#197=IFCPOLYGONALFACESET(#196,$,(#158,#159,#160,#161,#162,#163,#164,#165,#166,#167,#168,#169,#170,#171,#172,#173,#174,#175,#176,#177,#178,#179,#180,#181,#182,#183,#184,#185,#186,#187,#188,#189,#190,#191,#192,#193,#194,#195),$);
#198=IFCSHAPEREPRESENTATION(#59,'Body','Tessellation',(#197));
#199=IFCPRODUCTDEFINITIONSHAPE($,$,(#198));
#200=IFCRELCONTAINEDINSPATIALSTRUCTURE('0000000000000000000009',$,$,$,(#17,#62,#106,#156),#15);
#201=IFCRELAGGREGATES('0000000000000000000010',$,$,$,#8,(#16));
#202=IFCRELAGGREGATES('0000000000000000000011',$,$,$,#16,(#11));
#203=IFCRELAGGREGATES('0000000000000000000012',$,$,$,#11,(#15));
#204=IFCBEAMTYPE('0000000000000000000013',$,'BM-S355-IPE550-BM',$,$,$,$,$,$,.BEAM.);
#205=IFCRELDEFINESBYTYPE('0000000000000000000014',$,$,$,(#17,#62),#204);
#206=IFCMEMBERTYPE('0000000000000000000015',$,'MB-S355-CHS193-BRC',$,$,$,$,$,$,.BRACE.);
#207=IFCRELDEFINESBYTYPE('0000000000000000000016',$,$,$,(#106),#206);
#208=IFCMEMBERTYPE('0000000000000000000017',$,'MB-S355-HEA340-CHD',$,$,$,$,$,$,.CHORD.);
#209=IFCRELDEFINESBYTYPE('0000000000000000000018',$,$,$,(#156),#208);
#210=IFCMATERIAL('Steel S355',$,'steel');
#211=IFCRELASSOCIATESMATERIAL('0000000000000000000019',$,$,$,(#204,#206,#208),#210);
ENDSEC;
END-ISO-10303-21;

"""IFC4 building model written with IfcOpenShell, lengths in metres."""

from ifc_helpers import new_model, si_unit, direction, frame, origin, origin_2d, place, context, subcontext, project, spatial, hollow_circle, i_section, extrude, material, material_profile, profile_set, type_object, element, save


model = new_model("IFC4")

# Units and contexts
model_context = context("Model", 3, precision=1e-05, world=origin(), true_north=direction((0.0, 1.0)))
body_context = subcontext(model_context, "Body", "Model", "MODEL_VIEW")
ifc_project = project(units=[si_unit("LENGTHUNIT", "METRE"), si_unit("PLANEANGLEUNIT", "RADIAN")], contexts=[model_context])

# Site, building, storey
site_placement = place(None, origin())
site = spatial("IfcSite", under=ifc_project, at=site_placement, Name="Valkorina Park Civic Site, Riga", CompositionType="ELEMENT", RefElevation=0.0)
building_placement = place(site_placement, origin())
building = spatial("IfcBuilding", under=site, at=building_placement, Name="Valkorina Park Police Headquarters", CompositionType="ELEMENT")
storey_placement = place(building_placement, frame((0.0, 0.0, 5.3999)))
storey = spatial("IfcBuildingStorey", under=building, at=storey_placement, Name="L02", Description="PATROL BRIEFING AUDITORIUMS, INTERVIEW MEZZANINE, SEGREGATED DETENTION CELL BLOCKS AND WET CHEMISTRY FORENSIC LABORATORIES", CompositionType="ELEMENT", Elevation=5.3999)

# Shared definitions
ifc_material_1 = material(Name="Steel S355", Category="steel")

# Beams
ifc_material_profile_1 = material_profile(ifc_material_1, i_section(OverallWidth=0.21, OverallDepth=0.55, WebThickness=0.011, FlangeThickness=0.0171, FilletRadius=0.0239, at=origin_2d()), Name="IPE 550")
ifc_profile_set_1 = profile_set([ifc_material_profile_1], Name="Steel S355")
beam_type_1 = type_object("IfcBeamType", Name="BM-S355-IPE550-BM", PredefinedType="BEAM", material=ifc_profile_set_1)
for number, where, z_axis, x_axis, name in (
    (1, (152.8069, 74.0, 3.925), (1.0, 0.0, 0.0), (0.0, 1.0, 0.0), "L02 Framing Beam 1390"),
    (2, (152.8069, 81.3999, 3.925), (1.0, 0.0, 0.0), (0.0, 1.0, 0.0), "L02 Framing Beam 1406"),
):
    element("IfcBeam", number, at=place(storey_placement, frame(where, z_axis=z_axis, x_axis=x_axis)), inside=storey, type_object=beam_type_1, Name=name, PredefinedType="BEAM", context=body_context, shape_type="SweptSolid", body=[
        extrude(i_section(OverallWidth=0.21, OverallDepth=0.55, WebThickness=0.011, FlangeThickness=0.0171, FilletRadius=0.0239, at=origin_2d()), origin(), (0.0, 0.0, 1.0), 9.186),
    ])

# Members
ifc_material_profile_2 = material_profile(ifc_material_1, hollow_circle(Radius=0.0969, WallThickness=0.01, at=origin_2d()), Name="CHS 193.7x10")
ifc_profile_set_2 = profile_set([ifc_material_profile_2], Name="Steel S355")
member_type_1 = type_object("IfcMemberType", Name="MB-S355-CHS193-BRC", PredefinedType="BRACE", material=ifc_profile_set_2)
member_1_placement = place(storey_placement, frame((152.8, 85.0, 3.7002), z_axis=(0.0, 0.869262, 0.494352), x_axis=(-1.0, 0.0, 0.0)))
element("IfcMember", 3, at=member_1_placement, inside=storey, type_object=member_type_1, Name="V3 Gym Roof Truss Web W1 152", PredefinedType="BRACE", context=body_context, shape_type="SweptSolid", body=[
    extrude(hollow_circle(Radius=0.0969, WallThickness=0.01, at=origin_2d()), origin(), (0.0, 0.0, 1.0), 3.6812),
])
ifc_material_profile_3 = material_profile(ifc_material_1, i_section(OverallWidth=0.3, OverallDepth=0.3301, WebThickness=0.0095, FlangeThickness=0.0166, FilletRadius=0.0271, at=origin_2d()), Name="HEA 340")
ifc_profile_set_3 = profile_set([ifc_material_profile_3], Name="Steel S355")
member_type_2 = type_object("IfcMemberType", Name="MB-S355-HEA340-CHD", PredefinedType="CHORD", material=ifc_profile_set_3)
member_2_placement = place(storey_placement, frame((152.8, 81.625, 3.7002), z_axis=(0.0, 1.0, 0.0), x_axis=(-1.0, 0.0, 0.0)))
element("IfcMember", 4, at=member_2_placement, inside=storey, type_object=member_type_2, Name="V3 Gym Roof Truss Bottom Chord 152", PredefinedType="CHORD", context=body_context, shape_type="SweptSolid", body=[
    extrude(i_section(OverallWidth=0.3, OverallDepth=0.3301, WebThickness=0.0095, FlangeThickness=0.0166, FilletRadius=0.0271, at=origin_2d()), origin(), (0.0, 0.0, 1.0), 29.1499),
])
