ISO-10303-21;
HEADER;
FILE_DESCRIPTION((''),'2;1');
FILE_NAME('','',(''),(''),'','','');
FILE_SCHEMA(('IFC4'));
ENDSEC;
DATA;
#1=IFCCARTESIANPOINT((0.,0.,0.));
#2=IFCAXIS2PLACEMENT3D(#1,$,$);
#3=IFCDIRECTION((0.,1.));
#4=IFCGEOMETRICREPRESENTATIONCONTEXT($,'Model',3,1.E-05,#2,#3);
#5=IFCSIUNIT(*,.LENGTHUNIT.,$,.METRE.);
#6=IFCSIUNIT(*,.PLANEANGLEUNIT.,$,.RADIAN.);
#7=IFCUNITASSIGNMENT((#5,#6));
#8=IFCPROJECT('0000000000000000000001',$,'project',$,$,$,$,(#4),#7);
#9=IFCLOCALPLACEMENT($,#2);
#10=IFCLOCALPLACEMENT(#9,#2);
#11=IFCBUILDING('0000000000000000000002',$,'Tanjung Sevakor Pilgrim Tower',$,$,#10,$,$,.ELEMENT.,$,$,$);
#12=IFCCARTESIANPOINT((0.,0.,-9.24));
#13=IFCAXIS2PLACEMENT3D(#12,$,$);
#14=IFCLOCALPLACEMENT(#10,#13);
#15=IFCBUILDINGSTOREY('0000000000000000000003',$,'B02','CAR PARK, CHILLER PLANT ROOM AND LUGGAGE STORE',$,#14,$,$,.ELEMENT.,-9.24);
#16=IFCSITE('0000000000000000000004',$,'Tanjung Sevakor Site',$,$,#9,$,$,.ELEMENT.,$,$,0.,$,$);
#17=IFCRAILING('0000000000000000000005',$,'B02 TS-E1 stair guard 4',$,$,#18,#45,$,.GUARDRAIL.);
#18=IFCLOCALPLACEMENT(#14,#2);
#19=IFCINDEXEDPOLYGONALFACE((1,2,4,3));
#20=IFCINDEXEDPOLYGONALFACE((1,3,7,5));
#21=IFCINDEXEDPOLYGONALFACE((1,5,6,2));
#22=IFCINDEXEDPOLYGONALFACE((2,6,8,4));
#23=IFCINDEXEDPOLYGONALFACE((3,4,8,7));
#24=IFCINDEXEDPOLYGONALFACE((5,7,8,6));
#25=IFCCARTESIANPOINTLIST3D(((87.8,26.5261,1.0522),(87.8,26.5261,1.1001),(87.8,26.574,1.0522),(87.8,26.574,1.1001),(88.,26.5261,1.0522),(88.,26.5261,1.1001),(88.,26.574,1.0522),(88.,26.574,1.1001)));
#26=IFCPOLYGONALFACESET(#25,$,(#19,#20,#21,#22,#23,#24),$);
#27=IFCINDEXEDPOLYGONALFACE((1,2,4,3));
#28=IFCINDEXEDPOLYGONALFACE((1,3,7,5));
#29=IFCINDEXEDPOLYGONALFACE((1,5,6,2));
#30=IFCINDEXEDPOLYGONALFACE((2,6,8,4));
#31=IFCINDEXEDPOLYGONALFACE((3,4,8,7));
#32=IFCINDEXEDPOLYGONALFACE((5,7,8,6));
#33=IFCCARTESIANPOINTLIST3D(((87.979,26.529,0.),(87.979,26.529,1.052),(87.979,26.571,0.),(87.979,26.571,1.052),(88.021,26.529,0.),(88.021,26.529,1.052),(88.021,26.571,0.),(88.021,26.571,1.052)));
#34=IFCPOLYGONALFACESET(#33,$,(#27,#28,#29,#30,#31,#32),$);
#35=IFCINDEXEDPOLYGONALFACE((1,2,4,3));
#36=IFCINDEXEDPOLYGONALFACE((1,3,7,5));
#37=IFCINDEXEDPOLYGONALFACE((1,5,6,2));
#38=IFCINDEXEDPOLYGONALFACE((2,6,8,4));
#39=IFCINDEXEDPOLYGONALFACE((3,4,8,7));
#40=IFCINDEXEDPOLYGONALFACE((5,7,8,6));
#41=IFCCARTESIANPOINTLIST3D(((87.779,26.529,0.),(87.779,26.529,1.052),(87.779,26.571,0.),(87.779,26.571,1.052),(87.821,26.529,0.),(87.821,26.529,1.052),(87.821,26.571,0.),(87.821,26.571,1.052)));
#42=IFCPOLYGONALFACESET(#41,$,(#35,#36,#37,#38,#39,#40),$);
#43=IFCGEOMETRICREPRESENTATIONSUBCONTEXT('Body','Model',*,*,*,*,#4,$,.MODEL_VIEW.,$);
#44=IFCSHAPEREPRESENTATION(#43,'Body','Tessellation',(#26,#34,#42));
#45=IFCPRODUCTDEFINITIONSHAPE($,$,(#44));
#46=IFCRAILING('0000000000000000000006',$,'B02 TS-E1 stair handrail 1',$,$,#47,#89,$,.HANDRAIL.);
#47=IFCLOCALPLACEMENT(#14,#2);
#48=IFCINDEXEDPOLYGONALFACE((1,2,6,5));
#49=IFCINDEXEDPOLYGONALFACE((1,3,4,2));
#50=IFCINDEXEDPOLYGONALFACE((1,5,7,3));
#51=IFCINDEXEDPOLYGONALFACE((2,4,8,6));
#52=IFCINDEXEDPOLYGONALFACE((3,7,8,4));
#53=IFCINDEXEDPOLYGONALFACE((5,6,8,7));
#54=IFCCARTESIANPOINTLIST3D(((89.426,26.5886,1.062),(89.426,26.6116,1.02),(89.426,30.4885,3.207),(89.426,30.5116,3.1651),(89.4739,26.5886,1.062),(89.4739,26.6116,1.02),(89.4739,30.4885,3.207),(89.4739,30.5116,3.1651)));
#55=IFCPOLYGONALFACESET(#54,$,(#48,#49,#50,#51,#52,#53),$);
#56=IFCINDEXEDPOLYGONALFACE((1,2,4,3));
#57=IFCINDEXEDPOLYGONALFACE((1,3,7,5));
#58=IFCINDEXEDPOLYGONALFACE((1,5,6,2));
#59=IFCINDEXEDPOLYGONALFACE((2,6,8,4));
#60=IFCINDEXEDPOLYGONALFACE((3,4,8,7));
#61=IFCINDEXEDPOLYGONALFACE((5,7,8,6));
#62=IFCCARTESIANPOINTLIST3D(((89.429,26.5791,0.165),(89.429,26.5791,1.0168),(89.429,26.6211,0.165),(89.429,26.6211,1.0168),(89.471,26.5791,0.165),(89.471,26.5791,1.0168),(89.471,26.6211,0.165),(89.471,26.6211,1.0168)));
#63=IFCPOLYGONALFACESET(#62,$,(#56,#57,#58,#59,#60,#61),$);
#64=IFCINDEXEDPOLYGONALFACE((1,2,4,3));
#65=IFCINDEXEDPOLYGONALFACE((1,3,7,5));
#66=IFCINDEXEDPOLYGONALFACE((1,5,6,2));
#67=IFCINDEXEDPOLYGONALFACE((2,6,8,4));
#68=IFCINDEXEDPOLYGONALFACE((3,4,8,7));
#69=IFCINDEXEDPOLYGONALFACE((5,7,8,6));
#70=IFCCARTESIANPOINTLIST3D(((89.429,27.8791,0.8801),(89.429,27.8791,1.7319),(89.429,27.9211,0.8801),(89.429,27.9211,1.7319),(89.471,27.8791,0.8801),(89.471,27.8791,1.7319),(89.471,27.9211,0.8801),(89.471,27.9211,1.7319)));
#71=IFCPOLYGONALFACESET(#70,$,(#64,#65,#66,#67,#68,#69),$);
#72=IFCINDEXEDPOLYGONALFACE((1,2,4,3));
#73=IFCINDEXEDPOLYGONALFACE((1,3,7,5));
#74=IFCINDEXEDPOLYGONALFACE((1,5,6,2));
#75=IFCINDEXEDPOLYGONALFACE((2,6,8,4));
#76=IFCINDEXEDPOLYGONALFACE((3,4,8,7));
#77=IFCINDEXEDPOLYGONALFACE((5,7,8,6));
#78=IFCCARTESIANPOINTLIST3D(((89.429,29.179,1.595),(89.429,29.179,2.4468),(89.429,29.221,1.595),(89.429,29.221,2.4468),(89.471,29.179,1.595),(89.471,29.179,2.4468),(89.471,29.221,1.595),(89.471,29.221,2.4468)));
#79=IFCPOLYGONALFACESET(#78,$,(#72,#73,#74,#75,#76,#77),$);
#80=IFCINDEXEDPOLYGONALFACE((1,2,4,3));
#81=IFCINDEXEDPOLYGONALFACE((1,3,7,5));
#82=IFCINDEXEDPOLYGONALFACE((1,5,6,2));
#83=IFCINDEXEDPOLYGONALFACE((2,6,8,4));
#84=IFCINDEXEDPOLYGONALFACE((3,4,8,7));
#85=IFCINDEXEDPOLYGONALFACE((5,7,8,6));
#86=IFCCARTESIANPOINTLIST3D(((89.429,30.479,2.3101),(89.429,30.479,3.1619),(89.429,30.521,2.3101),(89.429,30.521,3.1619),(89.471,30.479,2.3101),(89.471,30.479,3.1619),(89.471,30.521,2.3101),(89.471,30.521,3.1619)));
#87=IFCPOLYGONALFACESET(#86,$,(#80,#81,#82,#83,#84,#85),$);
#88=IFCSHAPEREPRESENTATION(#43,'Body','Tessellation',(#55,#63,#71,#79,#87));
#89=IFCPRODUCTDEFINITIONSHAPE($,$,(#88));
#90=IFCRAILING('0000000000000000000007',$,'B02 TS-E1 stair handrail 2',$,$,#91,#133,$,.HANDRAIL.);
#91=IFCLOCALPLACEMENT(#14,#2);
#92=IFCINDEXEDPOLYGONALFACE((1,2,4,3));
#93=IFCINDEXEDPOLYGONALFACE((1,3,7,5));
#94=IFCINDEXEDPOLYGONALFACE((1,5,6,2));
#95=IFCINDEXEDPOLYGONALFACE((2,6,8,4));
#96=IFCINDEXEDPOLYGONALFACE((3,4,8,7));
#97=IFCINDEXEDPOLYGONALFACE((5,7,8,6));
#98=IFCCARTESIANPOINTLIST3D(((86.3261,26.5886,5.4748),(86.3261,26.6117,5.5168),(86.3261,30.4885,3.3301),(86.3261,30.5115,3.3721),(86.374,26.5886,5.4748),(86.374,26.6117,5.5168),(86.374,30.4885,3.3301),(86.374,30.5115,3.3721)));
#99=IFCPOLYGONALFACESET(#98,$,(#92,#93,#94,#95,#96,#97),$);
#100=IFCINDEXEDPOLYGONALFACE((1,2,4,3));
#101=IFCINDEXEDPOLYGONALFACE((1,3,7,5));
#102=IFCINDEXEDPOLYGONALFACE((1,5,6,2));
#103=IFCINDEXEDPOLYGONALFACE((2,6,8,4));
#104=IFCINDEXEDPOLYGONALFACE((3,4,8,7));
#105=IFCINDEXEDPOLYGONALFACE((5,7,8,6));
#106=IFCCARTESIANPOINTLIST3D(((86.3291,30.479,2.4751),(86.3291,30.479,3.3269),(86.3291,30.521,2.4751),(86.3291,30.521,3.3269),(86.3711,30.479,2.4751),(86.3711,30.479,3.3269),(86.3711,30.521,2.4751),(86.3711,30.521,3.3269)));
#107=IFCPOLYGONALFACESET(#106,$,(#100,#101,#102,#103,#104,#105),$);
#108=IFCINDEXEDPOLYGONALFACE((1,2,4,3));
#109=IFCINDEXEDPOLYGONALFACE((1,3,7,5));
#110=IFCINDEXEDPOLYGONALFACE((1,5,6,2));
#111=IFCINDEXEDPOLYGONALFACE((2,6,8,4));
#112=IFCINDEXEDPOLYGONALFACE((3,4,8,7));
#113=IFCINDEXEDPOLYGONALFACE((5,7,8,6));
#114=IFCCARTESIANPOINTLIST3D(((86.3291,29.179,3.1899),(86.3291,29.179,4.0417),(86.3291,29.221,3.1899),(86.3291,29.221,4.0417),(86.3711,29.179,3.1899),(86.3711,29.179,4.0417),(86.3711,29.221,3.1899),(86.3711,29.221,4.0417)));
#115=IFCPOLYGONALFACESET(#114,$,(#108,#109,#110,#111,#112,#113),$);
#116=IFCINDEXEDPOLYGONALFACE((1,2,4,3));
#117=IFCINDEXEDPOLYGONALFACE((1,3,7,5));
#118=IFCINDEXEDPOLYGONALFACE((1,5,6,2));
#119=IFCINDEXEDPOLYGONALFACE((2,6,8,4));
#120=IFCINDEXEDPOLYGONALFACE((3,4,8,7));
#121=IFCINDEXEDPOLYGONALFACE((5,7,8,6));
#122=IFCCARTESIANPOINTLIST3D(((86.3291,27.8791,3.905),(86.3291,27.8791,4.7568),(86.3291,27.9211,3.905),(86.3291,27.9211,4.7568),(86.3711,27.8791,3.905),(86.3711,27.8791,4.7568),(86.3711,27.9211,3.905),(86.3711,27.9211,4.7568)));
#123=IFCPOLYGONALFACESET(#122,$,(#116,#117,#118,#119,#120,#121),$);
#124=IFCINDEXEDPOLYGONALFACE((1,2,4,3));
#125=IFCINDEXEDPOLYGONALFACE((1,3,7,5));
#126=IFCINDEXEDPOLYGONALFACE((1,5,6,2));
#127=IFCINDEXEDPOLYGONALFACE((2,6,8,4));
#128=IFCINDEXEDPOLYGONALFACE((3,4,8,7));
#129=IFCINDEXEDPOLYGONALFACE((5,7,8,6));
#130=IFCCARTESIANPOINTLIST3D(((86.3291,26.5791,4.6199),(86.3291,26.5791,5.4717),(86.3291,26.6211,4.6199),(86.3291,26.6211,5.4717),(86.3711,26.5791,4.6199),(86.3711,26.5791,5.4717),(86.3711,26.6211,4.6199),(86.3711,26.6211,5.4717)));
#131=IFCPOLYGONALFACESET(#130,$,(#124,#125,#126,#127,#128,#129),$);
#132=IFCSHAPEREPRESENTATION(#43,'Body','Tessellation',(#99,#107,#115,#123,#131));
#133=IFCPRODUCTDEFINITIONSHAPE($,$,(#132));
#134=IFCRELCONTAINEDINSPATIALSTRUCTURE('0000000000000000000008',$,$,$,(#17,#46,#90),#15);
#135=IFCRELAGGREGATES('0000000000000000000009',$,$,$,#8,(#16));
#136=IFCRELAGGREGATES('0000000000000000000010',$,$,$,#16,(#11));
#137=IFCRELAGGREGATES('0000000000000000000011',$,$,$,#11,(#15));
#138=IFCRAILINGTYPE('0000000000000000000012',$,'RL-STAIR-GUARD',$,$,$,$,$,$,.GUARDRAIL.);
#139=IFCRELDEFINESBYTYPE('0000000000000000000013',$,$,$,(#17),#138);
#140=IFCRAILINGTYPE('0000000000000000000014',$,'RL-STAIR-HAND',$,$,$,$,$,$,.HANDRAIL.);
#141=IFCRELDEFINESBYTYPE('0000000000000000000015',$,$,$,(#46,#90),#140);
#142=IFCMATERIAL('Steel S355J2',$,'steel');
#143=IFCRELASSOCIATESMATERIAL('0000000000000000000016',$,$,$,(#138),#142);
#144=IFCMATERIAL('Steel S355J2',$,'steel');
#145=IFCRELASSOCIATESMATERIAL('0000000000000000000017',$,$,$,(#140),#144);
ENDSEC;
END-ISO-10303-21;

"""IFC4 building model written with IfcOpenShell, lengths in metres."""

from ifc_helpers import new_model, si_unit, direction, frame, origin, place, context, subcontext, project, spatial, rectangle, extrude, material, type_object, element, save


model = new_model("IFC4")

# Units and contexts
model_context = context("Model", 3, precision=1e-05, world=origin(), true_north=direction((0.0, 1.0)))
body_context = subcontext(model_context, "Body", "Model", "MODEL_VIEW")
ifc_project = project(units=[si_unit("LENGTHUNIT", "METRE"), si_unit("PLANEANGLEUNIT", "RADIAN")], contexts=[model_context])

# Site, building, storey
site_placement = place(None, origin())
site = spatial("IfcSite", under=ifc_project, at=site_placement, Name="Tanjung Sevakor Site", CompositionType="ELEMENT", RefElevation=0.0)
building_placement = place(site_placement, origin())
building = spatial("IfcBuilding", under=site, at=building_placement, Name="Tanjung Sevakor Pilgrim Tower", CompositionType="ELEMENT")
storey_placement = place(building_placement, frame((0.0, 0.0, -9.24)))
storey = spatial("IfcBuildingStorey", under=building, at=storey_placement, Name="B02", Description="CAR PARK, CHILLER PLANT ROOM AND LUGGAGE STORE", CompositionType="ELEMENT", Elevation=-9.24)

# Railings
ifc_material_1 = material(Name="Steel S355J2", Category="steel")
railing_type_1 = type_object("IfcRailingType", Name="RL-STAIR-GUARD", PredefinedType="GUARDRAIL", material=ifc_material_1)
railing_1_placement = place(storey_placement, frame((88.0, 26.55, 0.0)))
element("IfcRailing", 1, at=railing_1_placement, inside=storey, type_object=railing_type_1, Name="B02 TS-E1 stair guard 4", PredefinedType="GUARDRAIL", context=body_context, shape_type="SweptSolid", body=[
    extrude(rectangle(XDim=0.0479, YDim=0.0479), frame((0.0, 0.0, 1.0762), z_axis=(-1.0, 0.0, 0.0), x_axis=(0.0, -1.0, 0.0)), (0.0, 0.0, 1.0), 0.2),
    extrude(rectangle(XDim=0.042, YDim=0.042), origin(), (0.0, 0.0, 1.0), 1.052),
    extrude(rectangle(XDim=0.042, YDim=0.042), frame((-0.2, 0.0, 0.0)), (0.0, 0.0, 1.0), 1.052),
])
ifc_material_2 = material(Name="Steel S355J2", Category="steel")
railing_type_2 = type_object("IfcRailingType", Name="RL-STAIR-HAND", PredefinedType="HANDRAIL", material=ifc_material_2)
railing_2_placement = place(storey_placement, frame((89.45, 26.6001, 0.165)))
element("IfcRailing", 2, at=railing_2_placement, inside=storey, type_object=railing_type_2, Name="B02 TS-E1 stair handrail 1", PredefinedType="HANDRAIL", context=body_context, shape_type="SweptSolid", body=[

### What is needed
Reproduce only the lines above, starting at the line with "#31=IFCINDEXEDPOLYGONALFACE((3,4,8,7));" and ending at the line with "#36=IFCINDEXEDPOLYGONALFACE((1,3,7,5));", exactly as written.

### Reply
#31=IFCINDEXEDPOLYGONALFACE((3,4,8,7));
#32=IFCINDEXEDPOLYGONALFACE((5,7,8,6));
#33=IFCCARTESIANPOINTLIST3D(((87.979,26.529,0.),(87.979,26.529,1.052),(87.979,26.571,0.),(87.979,26.571,1.052),(88.021,26.529,0.),(88.021,26.529,1.052),(88.021,26.571,0.),(88.021,26.571,1.052)));
#34=IFCPOLYGONALFACESET(#33,$,(#27,#28,#29,#30,#31,#32),$);
#35=IFCINDEXEDPOLYGONALFACE((1,2,4,3));
#36=IFCINDEXEDPOLYGONALFACE((1,3,7,5));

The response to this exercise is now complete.